━━ Provided data

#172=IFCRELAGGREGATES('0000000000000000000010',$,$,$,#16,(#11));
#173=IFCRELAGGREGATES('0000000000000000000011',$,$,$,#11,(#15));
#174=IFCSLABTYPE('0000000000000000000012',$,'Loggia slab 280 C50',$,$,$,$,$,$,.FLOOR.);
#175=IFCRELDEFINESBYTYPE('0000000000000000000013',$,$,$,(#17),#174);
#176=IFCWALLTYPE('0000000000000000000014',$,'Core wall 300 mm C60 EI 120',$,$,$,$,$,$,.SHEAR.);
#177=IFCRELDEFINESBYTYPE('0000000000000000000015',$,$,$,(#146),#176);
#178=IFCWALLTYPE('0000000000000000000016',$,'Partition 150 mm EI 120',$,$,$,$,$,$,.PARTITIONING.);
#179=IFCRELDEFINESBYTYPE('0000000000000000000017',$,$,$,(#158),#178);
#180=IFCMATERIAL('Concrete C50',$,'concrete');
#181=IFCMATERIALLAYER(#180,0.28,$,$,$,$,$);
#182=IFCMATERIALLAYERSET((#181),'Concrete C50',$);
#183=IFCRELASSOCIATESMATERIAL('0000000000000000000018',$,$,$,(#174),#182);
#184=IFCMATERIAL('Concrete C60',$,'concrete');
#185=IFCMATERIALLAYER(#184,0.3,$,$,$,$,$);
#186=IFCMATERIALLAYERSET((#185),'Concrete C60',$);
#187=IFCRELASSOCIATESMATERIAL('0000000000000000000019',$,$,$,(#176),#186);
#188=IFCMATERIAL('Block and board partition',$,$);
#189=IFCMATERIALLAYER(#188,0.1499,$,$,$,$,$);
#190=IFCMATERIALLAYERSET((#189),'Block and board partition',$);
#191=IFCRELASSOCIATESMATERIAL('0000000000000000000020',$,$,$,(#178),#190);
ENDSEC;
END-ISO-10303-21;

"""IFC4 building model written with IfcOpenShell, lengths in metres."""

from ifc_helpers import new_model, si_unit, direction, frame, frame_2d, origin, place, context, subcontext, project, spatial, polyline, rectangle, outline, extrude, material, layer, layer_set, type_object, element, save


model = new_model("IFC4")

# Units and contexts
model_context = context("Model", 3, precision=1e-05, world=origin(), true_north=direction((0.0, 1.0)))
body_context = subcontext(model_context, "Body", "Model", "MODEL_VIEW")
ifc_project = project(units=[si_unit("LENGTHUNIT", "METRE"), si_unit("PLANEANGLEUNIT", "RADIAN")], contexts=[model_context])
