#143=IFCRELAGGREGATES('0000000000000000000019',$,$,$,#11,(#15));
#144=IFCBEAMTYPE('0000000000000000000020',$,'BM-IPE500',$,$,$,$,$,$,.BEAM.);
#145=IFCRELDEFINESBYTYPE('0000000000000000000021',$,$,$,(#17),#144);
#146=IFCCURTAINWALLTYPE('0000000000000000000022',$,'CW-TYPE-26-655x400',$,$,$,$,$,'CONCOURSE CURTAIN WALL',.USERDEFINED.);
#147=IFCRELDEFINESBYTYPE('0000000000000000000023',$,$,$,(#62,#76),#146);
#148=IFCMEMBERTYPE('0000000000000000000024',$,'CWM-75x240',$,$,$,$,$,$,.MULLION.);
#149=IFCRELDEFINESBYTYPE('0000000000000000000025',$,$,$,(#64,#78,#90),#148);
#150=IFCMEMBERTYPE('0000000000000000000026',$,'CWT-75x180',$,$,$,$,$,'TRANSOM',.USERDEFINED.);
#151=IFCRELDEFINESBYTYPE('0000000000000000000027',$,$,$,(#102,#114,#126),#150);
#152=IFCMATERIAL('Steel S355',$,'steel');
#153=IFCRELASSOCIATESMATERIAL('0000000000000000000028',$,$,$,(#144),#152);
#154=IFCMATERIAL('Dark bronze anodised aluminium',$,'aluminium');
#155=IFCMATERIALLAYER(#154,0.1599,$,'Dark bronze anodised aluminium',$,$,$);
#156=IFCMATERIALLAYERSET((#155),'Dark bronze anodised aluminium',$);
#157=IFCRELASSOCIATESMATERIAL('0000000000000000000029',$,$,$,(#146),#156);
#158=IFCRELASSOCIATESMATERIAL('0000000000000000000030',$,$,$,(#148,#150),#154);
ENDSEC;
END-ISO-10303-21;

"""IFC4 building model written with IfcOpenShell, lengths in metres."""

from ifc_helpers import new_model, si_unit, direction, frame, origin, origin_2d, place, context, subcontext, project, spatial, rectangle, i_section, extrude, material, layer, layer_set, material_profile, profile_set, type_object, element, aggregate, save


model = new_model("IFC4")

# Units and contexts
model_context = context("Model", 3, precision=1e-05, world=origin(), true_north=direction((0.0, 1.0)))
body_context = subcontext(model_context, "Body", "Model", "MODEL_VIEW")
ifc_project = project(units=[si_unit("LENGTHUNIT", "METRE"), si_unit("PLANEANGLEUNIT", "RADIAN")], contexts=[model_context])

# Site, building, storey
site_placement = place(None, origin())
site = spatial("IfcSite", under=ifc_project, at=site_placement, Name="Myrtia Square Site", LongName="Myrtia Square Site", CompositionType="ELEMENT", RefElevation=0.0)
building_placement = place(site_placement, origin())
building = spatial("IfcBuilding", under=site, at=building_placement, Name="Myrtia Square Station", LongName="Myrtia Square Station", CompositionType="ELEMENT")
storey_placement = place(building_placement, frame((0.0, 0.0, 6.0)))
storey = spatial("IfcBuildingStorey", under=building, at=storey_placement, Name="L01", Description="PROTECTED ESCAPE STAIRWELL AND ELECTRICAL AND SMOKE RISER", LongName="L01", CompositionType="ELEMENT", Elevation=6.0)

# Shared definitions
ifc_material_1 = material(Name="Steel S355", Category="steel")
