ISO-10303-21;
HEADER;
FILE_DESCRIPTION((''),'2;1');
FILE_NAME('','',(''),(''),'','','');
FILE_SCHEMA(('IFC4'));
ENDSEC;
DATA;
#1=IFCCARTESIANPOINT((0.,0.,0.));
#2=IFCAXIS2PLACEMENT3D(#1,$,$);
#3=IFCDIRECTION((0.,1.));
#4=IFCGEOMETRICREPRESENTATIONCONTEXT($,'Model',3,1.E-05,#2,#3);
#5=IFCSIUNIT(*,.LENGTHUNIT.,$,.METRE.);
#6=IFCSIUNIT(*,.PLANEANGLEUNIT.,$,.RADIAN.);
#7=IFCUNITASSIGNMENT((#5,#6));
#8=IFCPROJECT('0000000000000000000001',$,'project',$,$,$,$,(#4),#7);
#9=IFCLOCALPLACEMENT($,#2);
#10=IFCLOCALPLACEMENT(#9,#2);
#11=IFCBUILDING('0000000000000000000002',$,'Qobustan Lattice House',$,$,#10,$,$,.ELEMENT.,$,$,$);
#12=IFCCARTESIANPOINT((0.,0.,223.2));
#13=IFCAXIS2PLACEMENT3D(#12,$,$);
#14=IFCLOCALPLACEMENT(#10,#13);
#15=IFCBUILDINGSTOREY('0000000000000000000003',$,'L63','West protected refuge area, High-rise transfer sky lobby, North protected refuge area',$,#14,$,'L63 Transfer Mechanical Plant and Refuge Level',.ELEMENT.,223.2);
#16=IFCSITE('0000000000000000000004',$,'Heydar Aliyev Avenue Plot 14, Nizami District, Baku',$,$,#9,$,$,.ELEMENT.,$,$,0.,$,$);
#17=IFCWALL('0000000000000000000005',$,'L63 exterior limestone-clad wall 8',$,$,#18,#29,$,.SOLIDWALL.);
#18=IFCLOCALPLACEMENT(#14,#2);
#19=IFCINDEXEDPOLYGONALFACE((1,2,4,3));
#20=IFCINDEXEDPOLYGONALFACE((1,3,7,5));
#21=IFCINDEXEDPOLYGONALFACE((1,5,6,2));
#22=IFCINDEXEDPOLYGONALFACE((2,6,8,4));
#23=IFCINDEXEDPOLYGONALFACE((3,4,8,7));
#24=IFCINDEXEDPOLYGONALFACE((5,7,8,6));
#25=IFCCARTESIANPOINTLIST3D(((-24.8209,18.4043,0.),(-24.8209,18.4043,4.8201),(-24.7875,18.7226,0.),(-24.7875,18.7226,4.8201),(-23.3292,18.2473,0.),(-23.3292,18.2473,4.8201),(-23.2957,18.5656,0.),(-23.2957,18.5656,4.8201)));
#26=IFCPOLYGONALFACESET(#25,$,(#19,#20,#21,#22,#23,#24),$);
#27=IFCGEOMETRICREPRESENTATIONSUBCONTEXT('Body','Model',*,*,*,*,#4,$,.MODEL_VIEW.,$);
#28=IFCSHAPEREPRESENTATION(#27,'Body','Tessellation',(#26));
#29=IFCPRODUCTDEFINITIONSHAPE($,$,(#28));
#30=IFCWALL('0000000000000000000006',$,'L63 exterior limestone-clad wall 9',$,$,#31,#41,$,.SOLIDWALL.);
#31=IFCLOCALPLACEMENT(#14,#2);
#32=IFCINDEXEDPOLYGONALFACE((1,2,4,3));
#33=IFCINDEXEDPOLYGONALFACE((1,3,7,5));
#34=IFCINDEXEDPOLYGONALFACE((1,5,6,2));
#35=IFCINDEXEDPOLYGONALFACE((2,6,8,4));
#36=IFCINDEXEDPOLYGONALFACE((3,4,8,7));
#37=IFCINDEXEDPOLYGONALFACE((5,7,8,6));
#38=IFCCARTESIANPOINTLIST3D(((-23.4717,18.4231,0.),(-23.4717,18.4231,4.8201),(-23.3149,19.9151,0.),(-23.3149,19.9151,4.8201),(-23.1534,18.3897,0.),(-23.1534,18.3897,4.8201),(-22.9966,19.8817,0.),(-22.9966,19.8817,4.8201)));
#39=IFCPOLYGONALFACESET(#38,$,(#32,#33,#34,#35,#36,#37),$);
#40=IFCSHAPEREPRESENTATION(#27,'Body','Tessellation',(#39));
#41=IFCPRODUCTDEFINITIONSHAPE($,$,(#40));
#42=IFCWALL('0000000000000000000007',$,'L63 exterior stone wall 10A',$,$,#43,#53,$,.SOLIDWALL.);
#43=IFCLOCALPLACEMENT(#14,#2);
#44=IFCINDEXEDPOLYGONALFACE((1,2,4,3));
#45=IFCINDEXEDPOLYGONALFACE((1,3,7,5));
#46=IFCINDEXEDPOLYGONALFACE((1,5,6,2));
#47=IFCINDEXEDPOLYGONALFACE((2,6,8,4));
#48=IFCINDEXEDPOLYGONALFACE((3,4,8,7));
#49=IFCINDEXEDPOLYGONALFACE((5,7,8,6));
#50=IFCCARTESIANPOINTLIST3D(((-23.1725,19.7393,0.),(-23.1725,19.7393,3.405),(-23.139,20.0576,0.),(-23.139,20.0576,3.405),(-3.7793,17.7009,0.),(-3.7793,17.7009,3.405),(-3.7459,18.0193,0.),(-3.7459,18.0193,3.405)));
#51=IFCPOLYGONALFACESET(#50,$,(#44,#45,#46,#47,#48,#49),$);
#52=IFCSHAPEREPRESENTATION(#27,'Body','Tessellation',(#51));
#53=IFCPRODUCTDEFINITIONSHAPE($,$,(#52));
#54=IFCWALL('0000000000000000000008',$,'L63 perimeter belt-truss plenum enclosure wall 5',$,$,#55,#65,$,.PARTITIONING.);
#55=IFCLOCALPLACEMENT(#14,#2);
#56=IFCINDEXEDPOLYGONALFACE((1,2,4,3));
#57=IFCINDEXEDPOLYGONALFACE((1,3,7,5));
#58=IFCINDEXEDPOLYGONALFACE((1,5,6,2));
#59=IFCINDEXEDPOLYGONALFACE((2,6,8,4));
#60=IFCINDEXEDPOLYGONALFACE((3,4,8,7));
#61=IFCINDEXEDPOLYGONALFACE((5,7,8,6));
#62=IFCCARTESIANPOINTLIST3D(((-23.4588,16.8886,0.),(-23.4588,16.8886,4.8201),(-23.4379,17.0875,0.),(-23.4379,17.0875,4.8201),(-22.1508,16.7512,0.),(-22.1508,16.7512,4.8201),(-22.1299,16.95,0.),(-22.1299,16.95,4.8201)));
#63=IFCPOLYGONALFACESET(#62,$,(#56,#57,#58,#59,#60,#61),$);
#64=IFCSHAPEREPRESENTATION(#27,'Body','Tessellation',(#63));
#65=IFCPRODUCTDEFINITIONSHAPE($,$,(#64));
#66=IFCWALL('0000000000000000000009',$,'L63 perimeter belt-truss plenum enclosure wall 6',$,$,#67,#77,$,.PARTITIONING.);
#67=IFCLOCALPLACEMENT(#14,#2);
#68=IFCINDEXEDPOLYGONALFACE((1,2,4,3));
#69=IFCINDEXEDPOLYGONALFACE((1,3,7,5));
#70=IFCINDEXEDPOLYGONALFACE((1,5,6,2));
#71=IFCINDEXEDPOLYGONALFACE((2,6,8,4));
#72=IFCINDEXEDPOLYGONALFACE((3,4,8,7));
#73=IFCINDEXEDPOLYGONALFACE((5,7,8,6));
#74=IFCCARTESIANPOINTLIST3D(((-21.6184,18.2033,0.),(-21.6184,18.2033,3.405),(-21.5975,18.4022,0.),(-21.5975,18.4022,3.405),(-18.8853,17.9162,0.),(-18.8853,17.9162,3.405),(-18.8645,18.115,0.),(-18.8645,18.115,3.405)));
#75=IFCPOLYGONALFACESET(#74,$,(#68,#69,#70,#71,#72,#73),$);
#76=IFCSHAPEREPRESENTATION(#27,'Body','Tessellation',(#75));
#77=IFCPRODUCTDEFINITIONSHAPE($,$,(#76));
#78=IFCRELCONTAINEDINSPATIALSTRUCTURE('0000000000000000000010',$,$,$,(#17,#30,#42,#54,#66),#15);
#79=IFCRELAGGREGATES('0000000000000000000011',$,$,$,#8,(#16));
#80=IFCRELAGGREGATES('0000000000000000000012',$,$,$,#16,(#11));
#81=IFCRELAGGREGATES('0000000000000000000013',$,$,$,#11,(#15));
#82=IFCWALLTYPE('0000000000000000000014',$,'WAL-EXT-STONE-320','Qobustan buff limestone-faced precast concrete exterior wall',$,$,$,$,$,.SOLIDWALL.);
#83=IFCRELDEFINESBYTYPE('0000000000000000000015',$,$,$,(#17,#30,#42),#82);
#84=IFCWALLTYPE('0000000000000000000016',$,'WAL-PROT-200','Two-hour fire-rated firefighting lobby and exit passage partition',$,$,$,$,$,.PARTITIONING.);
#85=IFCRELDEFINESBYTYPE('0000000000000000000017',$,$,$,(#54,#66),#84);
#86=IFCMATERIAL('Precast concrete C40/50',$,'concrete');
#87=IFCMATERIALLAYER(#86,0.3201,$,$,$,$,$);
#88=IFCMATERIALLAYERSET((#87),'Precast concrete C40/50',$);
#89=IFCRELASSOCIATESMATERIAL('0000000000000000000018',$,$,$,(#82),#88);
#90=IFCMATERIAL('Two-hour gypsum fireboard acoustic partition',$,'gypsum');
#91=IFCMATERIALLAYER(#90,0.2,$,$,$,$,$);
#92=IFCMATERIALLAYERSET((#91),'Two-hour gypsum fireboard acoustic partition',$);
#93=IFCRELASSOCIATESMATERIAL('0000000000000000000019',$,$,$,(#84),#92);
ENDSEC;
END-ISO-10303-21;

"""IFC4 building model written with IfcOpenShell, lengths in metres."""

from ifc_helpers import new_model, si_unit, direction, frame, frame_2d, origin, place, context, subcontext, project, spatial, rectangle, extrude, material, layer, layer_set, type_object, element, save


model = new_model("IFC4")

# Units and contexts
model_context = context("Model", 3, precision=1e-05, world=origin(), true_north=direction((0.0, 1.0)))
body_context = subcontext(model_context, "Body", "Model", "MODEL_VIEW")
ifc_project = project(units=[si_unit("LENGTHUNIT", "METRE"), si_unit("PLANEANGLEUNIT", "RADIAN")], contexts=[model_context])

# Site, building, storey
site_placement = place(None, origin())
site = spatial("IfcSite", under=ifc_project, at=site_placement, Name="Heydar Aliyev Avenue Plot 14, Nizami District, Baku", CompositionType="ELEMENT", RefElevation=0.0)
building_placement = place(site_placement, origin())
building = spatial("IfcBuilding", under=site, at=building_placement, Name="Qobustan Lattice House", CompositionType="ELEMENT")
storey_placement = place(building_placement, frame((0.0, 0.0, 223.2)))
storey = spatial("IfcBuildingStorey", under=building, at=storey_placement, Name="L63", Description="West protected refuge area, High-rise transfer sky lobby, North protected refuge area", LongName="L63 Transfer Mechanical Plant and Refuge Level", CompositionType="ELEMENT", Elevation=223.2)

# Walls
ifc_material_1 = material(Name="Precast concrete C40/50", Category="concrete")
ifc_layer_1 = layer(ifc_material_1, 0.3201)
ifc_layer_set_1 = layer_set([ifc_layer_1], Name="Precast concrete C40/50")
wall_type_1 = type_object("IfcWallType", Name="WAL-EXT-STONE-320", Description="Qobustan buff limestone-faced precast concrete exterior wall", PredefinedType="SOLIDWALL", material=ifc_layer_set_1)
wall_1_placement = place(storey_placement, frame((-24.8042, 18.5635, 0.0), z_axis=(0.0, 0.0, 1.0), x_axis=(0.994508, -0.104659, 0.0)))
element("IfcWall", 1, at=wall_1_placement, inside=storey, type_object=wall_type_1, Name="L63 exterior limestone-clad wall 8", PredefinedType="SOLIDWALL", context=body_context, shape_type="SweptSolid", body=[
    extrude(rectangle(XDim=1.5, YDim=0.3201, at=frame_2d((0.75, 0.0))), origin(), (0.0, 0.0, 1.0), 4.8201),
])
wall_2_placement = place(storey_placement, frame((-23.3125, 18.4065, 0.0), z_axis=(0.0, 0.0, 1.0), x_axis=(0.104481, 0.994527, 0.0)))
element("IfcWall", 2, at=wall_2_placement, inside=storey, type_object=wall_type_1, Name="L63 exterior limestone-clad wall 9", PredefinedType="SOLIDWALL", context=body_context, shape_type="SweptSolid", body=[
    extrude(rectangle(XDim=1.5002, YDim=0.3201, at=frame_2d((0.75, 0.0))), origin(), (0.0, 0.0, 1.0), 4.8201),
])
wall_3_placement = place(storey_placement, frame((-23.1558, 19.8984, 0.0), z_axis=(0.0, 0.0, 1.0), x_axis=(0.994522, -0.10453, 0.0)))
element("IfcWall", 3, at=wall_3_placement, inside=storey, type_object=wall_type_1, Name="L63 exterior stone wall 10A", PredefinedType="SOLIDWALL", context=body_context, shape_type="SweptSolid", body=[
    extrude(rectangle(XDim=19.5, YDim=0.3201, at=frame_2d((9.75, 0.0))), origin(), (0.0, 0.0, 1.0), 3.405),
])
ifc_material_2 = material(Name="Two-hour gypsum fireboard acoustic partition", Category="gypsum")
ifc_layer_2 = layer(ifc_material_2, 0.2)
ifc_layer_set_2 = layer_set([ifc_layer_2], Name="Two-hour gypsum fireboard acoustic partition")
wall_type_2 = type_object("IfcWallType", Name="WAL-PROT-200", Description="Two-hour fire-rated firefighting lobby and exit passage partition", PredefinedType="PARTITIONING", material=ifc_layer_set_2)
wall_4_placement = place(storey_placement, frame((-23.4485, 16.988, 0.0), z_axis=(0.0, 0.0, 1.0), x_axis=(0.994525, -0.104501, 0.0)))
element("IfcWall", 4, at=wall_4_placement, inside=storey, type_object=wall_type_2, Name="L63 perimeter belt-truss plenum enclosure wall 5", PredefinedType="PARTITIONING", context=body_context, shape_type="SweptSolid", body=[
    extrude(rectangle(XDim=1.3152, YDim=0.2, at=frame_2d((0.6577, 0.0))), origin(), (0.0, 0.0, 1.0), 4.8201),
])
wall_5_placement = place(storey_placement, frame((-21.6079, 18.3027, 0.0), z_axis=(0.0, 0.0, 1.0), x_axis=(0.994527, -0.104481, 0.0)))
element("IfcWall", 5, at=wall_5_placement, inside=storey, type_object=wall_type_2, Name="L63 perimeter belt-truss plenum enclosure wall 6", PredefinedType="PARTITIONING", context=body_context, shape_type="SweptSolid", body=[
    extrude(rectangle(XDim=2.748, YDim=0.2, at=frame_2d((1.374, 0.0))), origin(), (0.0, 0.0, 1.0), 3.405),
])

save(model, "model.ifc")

━━━━

§ Problem:
From the data above, reproduce word for word the lines running from the line with "#2=IFCAXIS2PLACEMENT3D(#1,$,$);" to the line with "#23=IFCINDEXEDPOLYGONALFACE((3,4,8,7));", ends included.

§ Exercise result:
#2=IFCAXIS2PLACEMENT3D(#1,$,$);
#3=IFCDIRECTION((0.,1.));
#4=IFCGEOMETRICREPRESENTATIONCONTEXT($,'Model',3,1.E-05,#2,#3);
#5=IFCSIUNIT(*,.LENGTHUNIT.,$,.METRE.);
#6=IFCSIUNIT(*,.PLANEANGLEUNIT.,$,.RADIAN.);
#7=IFCUNITASSIGNMENT((#5,#6));
#8=IFCPROJECT('0000000000000000000001',$,'project',$,$,$,$,(#4),#7);
#9=IFCLOCALPLACEMENT($,#2);
#10=IFCLOCALPLACEMENT(#9,#2);
#11=IFCBUILDING('0000000000000000000002',$,'Qobustan Lattice House',$,$,#10,$,$,.ELEMENT.,$,$,$);
#12=IFCCARTESIANPOINT((0.,0.,223.2));
#13=IFCAXIS2PLACEMENT3D(#12,$,$);
#14=IFCLOCALPLACEMENT(#10,#13);
#15=IFCBUILDINGSTOREY('0000000000000000000003',$,'L63','West protected refuge area, High-rise transfer sky lobby, North protected refuge area',$,#14,$,'L63 Transfer Mechanical Plant and Refuge Level',.ELEMENT.,223.2);
#16=IFCSITE('0000000000000000000004',$,'Heydar Aliyev Avenue Plot 14, Nizami District, Baku',$,$,#9,$,$,.ELEMENT.,$,$,0.,$,$);
#17=IFCWALL('0000000000000000000005',$,'L63 exterior limestone-clad wall 8',$,$,#18,#29,$,.SOLIDWALL.);
#18=IFCLOCALPLACEMENT(#14,#2);
#19=IFCINDEXEDPOLYGONALFACE((1,2,4,3));
#20=IFCINDEXEDPOLYGONALFACE((1,3,7,5));
#21=IFCINDEXEDPOLYGONALFACE((1,5,6,2));
#22=IFCINDEXEDPOLYGONALFACE((2,6,8,4));
#23=IFCINDEXEDPOLYGONALFACE((3,4,8,7));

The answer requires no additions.